Stored items:

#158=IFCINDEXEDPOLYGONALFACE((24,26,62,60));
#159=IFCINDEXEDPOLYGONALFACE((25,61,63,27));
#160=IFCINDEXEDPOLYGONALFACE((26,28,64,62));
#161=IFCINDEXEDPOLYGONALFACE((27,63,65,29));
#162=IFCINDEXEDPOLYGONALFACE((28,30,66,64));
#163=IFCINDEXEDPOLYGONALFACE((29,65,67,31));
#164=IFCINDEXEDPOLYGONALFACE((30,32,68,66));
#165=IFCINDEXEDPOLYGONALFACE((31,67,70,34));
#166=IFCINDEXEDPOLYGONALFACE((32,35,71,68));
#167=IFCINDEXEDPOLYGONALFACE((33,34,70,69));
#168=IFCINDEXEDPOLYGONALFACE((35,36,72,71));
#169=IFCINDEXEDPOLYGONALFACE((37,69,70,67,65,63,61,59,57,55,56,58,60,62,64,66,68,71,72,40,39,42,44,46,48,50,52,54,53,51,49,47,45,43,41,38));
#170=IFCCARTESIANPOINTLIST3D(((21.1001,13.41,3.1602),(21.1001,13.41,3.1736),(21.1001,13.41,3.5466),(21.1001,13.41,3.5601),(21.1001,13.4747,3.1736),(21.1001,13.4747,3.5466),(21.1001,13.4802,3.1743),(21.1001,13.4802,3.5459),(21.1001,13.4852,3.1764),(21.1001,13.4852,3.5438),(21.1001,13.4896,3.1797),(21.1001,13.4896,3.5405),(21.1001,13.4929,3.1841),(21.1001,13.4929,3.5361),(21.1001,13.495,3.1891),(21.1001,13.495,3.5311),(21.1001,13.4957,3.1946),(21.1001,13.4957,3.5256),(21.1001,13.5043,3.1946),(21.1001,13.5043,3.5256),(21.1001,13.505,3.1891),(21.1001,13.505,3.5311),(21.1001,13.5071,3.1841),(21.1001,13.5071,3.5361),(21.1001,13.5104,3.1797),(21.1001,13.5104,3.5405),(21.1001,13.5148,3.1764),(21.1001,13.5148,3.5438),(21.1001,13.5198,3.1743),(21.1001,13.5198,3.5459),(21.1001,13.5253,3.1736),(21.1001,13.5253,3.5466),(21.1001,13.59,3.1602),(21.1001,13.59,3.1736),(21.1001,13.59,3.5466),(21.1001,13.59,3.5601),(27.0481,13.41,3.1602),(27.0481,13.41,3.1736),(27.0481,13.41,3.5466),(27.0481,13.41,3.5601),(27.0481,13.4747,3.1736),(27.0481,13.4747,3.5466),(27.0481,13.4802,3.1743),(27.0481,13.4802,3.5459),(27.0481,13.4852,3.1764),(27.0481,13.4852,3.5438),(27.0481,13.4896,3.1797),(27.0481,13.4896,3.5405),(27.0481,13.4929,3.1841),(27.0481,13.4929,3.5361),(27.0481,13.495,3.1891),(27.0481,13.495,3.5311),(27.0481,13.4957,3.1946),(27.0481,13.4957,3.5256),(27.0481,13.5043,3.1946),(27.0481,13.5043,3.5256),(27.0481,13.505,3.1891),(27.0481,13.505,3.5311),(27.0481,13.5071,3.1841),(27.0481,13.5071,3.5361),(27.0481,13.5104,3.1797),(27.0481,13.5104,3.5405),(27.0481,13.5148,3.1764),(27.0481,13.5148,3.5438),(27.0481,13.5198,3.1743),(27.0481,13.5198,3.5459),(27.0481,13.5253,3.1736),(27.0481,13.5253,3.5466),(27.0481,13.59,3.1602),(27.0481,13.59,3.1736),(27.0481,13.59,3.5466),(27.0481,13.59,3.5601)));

...

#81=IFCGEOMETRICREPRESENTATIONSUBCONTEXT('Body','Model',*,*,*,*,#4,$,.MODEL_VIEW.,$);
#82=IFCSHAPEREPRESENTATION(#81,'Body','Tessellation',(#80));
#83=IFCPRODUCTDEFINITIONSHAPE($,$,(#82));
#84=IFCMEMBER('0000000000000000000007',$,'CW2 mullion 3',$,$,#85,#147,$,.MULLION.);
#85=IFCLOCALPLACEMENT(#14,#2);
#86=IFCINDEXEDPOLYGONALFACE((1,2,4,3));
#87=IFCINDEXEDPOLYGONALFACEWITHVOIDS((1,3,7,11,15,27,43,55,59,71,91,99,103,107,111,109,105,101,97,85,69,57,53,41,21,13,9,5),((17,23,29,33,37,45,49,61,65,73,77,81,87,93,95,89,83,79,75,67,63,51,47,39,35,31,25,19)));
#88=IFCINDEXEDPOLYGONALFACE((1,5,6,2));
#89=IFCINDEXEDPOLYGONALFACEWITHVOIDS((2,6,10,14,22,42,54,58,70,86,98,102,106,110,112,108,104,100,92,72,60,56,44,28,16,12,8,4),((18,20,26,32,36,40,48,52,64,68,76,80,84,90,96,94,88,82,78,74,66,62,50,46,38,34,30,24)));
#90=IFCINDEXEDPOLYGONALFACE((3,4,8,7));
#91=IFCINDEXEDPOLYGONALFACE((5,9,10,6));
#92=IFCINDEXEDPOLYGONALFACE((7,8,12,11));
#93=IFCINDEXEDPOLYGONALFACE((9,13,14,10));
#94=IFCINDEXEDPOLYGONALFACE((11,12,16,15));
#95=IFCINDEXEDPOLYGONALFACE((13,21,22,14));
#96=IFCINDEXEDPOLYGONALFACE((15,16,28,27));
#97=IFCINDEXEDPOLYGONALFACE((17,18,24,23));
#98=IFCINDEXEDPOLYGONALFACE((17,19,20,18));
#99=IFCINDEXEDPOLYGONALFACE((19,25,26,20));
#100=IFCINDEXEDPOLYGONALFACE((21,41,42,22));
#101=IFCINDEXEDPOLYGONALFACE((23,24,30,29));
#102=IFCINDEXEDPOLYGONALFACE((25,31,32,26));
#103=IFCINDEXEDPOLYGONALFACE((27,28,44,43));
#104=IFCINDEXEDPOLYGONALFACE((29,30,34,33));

- **Your objective**
Reproduce the entries above exactly, but only the lines between the line holding "#85=IFCLOCALPLACEMENT(#14,#2);" and the line holding "#88=IFCINDEXEDPOLYGONALFACE((1,5,6,2));", inclusive.

- **Answer space**
#85=IFCLOCALPLACEMENT(#14,#2);
#86=IFCINDEXEDPOLYGONALFACE((1,2,4,3));
#87=IFCINDEXEDPOLYGONALFACEWITHVOIDS((1,3,7,11,15,27,43,55,59,71,91,99,103,107,111,109,105,101,97,85,69,57,53,41,21,13,9,5),((17,23,29,33,37,45,49,61,65,73,77,81,87,93,95,89,83,79,75,67,63,51,47,39,35,31,25,19)));
#88=IFCINDEXEDPOLYGONALFACE((1,5,6,2));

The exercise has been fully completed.